Work task
Only the lines from the one containing "studio apartment L46-N4" through the end of the material are to be echoed, each exactly as it appears.

[[ Data, beginning ]]

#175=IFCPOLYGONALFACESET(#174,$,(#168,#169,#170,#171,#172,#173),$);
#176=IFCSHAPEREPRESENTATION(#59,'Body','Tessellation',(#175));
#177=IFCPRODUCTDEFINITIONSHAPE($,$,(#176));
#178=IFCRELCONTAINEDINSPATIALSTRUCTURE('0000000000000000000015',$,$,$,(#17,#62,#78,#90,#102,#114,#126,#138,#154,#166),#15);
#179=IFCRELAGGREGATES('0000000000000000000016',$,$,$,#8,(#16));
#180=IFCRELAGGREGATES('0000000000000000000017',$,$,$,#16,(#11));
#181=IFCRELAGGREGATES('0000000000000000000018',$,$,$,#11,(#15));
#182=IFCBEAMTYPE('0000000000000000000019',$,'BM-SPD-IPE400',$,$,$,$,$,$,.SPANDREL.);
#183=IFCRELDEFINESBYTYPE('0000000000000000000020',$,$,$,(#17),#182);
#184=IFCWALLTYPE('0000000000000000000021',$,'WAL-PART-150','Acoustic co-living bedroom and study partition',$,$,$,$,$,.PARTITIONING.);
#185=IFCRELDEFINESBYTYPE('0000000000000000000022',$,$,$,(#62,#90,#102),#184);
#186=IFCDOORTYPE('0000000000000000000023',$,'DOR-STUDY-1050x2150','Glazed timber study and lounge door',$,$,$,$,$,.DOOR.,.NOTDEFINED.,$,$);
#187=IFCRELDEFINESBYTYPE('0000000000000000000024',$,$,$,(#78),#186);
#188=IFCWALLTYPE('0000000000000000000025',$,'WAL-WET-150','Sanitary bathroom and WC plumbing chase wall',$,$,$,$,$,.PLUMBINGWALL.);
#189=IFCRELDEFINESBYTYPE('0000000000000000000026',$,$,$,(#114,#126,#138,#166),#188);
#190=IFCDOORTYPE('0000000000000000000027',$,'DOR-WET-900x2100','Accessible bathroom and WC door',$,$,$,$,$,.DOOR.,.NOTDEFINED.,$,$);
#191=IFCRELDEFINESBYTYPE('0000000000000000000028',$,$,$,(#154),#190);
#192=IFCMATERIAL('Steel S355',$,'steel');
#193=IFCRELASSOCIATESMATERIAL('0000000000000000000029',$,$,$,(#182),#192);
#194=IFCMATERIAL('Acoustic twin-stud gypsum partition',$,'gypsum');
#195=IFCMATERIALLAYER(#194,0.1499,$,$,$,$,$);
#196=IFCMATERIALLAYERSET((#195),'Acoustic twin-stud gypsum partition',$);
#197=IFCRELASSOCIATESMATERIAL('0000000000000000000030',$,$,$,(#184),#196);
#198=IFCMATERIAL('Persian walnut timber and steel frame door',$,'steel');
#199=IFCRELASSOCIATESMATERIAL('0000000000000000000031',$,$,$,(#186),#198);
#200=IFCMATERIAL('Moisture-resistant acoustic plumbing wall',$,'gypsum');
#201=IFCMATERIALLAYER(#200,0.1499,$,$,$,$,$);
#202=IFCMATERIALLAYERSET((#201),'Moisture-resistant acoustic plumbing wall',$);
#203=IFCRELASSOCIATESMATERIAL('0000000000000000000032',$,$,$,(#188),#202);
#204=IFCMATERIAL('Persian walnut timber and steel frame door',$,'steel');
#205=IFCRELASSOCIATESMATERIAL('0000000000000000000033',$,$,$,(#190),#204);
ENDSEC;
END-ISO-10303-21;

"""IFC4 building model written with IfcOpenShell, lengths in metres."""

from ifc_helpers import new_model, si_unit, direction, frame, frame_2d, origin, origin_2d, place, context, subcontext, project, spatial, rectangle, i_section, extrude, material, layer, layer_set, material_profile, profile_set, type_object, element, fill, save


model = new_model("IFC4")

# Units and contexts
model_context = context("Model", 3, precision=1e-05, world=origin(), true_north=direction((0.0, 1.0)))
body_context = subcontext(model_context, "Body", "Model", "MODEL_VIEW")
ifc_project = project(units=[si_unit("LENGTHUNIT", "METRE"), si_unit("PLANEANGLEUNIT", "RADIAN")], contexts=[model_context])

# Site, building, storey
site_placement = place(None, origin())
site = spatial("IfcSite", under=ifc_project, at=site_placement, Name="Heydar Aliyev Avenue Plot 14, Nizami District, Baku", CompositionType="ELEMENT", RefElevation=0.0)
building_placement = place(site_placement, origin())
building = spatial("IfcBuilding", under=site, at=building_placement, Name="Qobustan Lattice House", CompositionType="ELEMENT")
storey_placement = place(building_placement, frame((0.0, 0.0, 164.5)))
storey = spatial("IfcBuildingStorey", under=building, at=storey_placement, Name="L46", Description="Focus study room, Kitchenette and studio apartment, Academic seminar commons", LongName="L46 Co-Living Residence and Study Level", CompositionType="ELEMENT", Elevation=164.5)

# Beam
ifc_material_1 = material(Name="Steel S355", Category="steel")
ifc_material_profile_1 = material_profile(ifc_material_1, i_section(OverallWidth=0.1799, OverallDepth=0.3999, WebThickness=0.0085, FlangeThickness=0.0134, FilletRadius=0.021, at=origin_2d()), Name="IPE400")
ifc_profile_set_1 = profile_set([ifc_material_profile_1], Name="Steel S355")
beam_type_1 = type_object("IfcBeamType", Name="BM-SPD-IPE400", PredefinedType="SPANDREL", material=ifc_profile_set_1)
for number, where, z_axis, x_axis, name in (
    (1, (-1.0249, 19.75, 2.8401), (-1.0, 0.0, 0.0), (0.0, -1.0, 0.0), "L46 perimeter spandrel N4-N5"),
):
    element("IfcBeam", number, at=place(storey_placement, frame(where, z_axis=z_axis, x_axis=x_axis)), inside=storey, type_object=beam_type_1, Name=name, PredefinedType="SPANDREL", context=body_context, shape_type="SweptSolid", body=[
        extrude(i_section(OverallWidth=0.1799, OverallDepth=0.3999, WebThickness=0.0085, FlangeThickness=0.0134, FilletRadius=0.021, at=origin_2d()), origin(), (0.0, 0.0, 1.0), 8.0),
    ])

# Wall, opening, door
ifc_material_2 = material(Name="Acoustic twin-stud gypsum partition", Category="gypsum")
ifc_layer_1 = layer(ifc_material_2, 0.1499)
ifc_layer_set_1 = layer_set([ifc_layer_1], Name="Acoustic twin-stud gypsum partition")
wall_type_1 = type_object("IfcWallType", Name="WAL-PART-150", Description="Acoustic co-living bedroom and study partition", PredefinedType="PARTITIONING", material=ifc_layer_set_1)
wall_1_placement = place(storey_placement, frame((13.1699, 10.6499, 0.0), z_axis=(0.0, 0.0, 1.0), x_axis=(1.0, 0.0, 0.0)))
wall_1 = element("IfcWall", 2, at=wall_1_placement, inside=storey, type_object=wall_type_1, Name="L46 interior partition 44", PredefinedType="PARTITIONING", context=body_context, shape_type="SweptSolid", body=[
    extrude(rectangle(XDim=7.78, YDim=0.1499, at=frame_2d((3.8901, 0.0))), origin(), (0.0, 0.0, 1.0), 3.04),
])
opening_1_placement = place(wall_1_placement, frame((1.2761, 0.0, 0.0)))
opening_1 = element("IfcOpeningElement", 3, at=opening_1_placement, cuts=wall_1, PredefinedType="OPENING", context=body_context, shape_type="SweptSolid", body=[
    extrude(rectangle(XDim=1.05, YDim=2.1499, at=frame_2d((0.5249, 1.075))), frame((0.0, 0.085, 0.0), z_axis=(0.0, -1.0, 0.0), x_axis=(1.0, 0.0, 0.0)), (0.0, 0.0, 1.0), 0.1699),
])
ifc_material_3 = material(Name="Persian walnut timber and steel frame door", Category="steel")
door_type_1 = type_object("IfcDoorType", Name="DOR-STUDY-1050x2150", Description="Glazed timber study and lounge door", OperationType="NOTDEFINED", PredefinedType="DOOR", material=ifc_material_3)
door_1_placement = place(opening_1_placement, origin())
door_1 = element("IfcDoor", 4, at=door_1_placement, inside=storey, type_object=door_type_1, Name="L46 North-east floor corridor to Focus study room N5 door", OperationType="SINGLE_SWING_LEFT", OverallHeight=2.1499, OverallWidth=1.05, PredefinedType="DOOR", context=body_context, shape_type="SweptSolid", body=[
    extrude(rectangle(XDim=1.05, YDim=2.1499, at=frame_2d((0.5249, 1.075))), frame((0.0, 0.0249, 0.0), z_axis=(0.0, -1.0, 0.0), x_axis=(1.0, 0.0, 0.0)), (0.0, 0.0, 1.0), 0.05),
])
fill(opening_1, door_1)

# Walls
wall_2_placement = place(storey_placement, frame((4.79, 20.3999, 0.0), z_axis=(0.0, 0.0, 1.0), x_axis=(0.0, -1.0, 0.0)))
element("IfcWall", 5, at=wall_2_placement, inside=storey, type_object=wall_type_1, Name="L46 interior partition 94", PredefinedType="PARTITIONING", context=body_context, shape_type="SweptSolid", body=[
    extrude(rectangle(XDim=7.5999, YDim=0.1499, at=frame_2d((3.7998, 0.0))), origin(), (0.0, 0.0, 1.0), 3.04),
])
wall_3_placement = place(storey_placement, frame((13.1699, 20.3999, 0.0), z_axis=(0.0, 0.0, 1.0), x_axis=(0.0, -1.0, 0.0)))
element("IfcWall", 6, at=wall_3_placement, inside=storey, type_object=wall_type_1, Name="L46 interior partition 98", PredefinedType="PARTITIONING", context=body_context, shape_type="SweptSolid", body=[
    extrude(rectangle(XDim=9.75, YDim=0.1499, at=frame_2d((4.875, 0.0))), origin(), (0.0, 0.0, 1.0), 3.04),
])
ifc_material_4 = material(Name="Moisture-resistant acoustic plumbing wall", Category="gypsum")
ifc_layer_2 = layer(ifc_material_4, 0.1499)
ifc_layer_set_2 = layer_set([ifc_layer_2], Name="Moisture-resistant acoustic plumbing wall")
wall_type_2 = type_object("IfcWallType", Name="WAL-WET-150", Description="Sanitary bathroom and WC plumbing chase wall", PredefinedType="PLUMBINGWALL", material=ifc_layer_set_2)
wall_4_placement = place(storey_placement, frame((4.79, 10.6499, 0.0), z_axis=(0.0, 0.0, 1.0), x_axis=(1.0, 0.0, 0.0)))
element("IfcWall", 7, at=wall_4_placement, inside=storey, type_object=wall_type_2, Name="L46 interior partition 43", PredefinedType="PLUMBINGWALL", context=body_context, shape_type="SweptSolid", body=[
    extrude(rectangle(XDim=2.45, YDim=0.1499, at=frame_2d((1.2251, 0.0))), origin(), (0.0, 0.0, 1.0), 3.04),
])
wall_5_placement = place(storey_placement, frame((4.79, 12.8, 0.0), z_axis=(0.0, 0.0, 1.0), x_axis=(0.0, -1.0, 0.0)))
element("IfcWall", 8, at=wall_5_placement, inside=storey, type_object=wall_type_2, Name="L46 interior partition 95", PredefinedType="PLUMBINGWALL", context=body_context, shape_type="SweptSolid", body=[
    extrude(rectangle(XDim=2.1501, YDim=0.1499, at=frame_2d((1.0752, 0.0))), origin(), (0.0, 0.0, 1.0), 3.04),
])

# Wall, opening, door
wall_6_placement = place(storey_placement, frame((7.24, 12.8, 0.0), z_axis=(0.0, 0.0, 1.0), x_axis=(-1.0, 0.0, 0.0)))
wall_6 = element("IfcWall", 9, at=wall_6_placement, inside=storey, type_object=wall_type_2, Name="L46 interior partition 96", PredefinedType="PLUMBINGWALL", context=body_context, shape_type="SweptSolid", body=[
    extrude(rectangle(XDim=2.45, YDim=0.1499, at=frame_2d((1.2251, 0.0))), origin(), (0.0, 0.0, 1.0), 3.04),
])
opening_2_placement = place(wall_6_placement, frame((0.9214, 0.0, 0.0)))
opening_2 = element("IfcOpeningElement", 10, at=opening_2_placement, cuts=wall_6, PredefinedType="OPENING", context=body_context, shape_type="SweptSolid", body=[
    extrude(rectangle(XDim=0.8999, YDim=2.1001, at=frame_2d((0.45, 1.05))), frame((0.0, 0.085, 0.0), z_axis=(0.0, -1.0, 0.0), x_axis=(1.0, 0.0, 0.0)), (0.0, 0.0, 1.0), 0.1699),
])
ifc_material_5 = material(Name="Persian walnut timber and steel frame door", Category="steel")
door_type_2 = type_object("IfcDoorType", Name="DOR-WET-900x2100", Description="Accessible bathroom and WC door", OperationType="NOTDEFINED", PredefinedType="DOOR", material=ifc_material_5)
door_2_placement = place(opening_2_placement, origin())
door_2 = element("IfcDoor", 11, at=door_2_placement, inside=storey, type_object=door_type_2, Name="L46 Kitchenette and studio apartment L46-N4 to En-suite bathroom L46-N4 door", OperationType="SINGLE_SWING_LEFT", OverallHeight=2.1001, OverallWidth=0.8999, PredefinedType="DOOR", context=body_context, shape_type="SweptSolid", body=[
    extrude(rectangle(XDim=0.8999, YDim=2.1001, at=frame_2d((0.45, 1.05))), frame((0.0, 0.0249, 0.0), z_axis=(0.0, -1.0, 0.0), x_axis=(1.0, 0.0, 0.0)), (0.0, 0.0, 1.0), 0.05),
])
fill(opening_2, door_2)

[[ Data, end ]]

Task answer
door_2 = element("IfcDoor", 11, at=door_2_placement, inside=storey, type_object=door_type_2, Name="L46 Kitchenette and studio apartment L46-N4 to En-suite bathroom L46-N4 door", OperationType="SINGLE_SWING_LEFT", OverallHeight=2.1001, OverallWidth=0.8999, PredefinedType="DOOR", context=body_context, shape_type="SweptSolid", body=[
    extrude(rectangle(XDim=0.8999, YDim=2.1001, at=frame_2d((0.45, 1.05))), frame((0.0, 0.0249, 0.0), z_axis=(0.0, -1.0, 0.0), x_axis=(1.0, 0.0, 0.0)), (0.0, 0.0, 1.0), 0.05),
])
fill(opening_2, door_2)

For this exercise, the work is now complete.